__TASK REQUIREMENTS__. Every line below from the one containing "#60=IFCSHAPEREPRESENTATION(#35,'Body','Tessellation',(#59));" through the one containing "END-ISO-10303-21;" must be transcribed exactly. Omit all lines outside that stretch.

__SUPPLIED INFORMATION__.
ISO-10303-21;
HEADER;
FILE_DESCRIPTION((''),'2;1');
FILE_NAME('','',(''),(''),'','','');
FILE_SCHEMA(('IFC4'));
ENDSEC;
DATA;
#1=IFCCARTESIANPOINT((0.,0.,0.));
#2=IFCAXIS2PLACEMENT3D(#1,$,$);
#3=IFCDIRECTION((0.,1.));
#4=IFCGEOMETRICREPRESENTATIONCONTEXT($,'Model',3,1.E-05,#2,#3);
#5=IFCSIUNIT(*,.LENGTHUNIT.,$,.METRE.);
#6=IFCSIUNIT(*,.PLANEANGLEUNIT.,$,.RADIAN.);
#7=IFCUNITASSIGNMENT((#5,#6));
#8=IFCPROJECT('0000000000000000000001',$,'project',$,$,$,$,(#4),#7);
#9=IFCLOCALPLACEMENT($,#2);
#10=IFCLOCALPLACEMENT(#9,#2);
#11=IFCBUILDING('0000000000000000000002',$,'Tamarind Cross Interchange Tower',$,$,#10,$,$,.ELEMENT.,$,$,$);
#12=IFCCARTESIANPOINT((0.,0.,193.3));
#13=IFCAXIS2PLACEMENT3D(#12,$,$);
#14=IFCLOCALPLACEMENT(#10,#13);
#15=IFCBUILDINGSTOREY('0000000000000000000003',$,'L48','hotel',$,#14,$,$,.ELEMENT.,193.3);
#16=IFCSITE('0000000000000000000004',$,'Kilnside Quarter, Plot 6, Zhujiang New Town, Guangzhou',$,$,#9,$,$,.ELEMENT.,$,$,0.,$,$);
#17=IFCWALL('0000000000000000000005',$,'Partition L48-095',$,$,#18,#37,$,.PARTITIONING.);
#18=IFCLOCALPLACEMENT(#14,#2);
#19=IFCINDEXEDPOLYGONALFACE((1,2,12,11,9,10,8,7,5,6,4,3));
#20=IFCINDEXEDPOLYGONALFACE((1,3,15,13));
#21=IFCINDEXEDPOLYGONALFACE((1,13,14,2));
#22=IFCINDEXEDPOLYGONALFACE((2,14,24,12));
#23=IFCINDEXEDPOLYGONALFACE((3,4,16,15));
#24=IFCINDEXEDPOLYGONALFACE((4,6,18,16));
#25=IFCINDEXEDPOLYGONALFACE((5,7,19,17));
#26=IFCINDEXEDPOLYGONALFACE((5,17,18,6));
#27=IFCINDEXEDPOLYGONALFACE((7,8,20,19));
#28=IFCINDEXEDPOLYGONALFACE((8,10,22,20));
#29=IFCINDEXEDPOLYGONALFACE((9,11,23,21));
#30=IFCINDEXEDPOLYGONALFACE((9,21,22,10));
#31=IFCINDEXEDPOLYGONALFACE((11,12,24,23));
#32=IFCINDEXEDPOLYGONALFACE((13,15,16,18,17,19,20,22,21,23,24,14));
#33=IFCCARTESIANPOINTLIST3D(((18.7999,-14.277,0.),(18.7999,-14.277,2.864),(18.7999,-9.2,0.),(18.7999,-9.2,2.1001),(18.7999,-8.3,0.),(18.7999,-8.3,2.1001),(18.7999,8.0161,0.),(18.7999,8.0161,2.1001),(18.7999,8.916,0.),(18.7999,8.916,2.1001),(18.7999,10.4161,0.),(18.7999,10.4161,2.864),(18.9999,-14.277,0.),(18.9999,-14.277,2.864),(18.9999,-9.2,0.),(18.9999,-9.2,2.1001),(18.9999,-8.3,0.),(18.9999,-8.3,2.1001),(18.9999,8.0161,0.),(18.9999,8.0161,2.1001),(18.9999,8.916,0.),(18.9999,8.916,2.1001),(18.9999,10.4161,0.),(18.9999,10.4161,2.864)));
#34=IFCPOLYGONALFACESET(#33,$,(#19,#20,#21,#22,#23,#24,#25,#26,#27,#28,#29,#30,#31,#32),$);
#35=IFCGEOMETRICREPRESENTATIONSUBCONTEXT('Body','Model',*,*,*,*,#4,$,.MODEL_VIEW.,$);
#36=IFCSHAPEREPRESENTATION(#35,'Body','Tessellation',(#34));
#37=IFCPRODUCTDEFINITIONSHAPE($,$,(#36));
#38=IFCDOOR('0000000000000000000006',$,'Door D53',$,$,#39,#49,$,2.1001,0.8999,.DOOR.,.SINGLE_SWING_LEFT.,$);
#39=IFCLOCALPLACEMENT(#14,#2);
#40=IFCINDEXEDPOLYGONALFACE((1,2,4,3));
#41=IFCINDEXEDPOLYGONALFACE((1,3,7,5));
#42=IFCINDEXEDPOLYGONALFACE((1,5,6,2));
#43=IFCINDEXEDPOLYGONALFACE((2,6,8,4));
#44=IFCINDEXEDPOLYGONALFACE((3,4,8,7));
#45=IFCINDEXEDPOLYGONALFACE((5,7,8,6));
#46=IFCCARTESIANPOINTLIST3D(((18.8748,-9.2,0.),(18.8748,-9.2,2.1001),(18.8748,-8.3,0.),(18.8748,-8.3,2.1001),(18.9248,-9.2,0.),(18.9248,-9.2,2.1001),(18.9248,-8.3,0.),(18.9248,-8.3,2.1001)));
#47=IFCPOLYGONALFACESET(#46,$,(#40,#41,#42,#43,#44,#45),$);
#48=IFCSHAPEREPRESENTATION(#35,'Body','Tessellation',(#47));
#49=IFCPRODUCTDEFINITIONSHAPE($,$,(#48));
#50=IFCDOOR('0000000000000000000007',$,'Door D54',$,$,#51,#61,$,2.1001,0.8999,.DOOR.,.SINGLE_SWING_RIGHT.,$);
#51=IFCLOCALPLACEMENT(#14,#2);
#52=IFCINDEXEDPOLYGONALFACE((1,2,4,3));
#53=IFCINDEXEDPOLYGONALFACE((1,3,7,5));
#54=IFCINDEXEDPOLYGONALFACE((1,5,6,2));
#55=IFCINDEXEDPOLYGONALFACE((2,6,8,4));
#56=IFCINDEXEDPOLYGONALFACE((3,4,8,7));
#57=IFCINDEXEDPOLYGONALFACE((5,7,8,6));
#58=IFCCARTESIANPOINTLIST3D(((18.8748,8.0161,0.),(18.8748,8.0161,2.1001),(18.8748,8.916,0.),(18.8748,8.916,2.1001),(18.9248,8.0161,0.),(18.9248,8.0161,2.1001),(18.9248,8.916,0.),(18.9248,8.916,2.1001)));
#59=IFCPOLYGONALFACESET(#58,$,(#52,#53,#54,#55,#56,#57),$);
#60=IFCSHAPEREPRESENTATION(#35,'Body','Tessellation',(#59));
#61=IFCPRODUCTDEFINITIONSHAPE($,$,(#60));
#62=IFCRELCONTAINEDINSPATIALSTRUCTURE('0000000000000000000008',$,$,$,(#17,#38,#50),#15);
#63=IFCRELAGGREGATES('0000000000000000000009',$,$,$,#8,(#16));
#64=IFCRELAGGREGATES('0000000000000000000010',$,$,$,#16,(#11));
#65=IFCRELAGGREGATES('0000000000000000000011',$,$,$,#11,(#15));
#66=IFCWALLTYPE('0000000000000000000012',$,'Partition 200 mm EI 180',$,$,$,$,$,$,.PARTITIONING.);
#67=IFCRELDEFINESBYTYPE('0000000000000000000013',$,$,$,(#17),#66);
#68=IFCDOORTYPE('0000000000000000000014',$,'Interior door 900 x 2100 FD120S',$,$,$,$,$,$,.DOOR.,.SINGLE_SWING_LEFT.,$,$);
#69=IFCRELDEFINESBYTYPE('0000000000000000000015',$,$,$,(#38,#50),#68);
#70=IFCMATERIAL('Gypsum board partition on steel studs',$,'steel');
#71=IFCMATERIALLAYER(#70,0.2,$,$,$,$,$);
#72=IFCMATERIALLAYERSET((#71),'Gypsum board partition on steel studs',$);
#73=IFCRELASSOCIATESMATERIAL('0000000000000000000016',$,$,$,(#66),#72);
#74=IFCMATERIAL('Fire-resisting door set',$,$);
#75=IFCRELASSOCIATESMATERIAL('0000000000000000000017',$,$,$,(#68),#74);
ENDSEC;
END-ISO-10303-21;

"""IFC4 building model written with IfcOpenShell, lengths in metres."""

from ifc_helpers import new_model, si_unit, direction, frame, frame_2d, origin, place, context, subcontext, project, spatial, rectangle, extrude, material, layer, layer_set, type_object, element, fill, save


model = new_model("IFC4")

# Units and contexts
model_context = context("Model", 3, precision=1e-05, world=origin(), true_north=direction((0.0, 1.0)))
body_context = subcontext(model_context, "Body", "Model", "MODEL_VIEW")
ifc_project = project(units=[si_unit("LENGTHUNIT", "METRE"), si_unit("PLANEANGLEUNIT", "RADIAN")], contexts=[model_context])

# Site, building, storey
site_placement = place(None, origin())
site = spatial("IfcSite", under=ifc_project, at=site_placement, Name="Kilnside Quarter, Plot 6, Zhujiang New Town, Guangzhou", CompositionType="ELEMENT", RefElevation=0.0)
building_placement = place(site_placement, origin())
building = spatial("IfcBuilding", under=site, at=building_placement, Name="Tamarind Cross Interchange Tower", CompositionType="ELEMENT")
storey_placement = place(building_placement, frame((0.0, 0.0, 193.3)))
storey = spatial("IfcBuildingStorey", under=building, at=storey_placement, Name="L48", Description="hotel", CompositionType="ELEMENT", Elevation=193.3)

# Shared definitions
ifc_material_1 = material(Name="Gypsum board partition on steel studs", Category="steel")

# Wall, openings, doors
ifc_layer_1 = layer(ifc_material_1, 0.2)
ifc_layer_set_1 = layer_set([ifc_layer_1], Name="Gypsum board partition on steel studs")
wall_type_1 = type_object("IfcWallType", Name="Partition 200 mm EI 180", PredefinedType="PARTITIONING", material=ifc_layer_set_1)
wall_1_placement = place(storey_placement, frame((18.8999, -14.2771, 0.0), z_axis=(0.0, 0.0, 1.0), x_axis=(0.0, 1.0, 0.0)))
wall_1 = element("IfcWall", 1, at=wall_1_placement, inside=storey, type_object=wall_type_1, Name="Partition L48-095", PredefinedType="PARTITIONING", context=body_context, shape_type="SweptSolid", body=[
    extrude(rectangle(XDim=24.6931, YDim=0.2, at=frame_2d((12.3467, 0.0))), origin(), (0.0, 0.0, 1.0), 2.864),
])
opening_1_placement = place(wall_1_placement, frame((5.0771, 0.0, 0.0)))
opening_1 = element("IfcOpeningElement", 2, at=opening_1_placement, cuts=wall_1, PredefinedType="OPENING", context=body_context, shape_type="SweptSolid", body=[
    extrude(rectangle(XDim=0.8999, YDim=2.1001, at=frame_2d((0.45, 1.05))), frame((0.0, 0.1099, 0.0), z_axis=(0.0, -1.0, 0.0), x_axis=(1.0, 0.0, 0.0)), (0.0, 0.0, 1.0), 0.22),
])
opening_2_placement = place(wall_1_placement, frame((22.2932, 0.0, 0.0)))
opening_2 = element("IfcOpeningElement", 3, at=opening_2_placement, cuts=wall_1, PredefinedType="OPENING", context=body_context, shape_type="SweptSolid", body=[
    extrude(rectangle(XDim=0.8999, YDim=2.1001, at=frame_2d((0.45, 1.05))), frame((0.0, 0.1099, 0.0), z_axis=(0.0, -1.0, 0.0), x_axis=(1.0, 0.0, 0.0)), (0.0, 0.0, 1.0), 0.22),
])
ifc_material_2 = material(Name="Fire-resisting door set")
door_type_1 = type_object("IfcDoorType", Name="Interior door 900 x 2100 FD120S", OperationType="SINGLE_SWING_LEFT", PredefinedType="DOOR", material=ifc_material_2)
door_1_placement = place(opening_1_placement, frame((0.8999, 0.0, 0.0), z_axis=(0.0, 0.0, 1.0), x_axis=(-1.0, 0.0, 0.0)))
door_1 = element("IfcDoor", 4, at=door_1_placement, inside=storey, type_object=door_type_1, Name="Door D53", OperationType="SINGLE_SWING_LEFT", OverallHeight=2.1001, OverallWidth=0.8999, PredefinedType="DOOR", context=body_context, shape_type="SweptSolid", body=[
    extrude(rectangle(XDim=0.8999, YDim=2.1001, at=frame_2d((0.45, 1.05))), frame((0.0, 0.0249, 0.0), z_axis=(0.0, -1.0, 0.0), x_axis=(1.0, 0.0, 0.0)), (0.0, 0.0, 1.0), 0.05),
])
fill(opening_1, door_1)
door_2_placement = place(opening_2_placement, frame((0.8999, 0.0, 0.0), z_axis=(0.0, 0.0, 1.0), x_axis=(-1.0, 0.0, 0.0)))
door_2 = element("IfcDoor", 5, at=door_2_placement, inside=storey, type_object=door_type_1, Name="Door D54", OperationType="SINGLE_SWING_RIGHT", OverallHeight=2.1001, OverallWidth=0.8999, PredefinedType="DOOR", context=body_context, shape_type="SweptSolid", body=[
    extrude(rectangle(XDim=0.8999, YDim=2.1001, at=frame_2d((0.45, 1.05))), frame((0.0, 0.0249, 0.0), z_axis=(0.0, -1.0, 0.0), x_axis=(1.0, 0.0, 0.0)), (0.0, 0.0, 1.0), 0.05),
])
fill(opening_2, door_2)

save(model, "model.ifc")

__OUTPUT OF THE EXERCISE__.
#60=IFCSHAPEREPRESENTATION(#35,'Body','Tessellation',(#59));
#61=IFCPRODUCTDEFINITIONSHAPE($,$,(#60));
#62=IFCRELCONTAINEDINSPATIALSTRUCTURE('0000000000000000000008',$,$,$,(#17,#38,#50),#15);
#63=IFCRELAGGREGATES('0000000000000000000009',$,$,$,#8,(#16));
#64=IFCRELAGGREGATES('0000000000000000000010',$,$,$,#16,(#11));
#65=IFCRELAGGREGATES('0000000000000000000011',$,$,$,#11,(#15));
#66=IFCWALLTYPE('0000000000000000000012',$,'Partition 200 mm EI 180',$,$,$,$,$,$,.PARTITIONING.);
#67=IFCRELDEFINESBYTYPE('0000000000000000000013',$,$,$,(#17),#66);
#68=IFCDOORTYPE('0000000000000000000014',$,'Interior door 900 x 2100 FD120S',$,$,$,$,$,$,.DOOR.,.SINGLE_SWING_LEFT.,$,$);
#69=IFCRELDEFINESBYTYPE('0000000000000000000015',$,$,$,(#38,#50),#68);
#70=IFCMATERIAL('Gypsum board partition on steel studs',$,'steel');
#71=IFCMATERIALLAYER(#70,0.2,$,$,$,$,$);
#72=IFCMATERIALLAYERSET((#71),'Gypsum board partition on steel studs',$);
#73=IFCRELASSOCIATESMATERIAL('0000000000000000000016',$,$,$,(#66),#72);
#74=IFCMATERIAL('Fire-resisting door set',$,$);
#75=IFCRELASSOCIATESMATERIAL('0000000000000000000017',$,$,$,(#68),#74);
ENDSEC;
END-ISO-10303-21;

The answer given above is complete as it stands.